INPUT MATERIAL:
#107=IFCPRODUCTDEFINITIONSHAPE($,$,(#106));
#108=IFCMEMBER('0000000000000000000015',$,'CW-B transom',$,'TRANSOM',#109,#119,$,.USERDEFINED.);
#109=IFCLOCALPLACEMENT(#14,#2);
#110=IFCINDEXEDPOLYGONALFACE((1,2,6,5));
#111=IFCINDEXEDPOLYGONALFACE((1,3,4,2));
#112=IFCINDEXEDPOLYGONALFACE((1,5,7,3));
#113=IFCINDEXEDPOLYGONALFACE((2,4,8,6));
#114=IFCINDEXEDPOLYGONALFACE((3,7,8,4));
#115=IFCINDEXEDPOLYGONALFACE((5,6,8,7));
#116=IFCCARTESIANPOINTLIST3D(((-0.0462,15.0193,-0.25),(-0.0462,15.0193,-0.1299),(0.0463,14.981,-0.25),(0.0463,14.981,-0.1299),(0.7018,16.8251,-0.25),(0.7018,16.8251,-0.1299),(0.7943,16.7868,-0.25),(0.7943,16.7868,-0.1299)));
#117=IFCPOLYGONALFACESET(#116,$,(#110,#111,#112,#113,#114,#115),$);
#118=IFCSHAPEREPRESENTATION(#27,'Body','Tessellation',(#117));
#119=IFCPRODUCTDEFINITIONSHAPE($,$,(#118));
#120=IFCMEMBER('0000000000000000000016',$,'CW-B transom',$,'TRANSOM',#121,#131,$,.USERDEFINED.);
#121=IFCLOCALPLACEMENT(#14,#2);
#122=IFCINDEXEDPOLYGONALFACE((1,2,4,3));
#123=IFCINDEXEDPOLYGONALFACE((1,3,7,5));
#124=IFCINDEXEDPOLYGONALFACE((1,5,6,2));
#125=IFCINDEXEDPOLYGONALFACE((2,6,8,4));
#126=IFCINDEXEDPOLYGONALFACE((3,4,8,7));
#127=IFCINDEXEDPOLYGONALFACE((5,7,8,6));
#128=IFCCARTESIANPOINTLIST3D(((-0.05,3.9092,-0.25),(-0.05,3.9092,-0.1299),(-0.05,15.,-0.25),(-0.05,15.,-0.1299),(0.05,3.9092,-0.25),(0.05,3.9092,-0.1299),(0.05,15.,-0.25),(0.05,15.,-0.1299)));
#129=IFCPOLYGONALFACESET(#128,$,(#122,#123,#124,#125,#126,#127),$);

TASK BRIEF:
Your response should be the lines above from the first to the one containing "#112=IFCINDEXEDPOLYGONALFACE((1,5,7,3));", inclusive, each given exactly.

SOLVED EXERCISE:
#107=IFCPRODUCTDEFINITIONSHAPE($,$,(#106));
#108=IFCMEMBER('0000000000000000000015',$,'CW-B transom',$,'TRANSOM',#109,#119,$,.USERDEFINED.);
#109=IFCLOCALPLACEMENT(#14,#2);
#110=IFCINDEXEDPOLYGONALFACE((1,2,6,5));
#111=IFCINDEXEDPOLYGONALFACE((1,3,4,2));
#112=IFCINDEXEDPOLYGONALFACE((1,5,7,3));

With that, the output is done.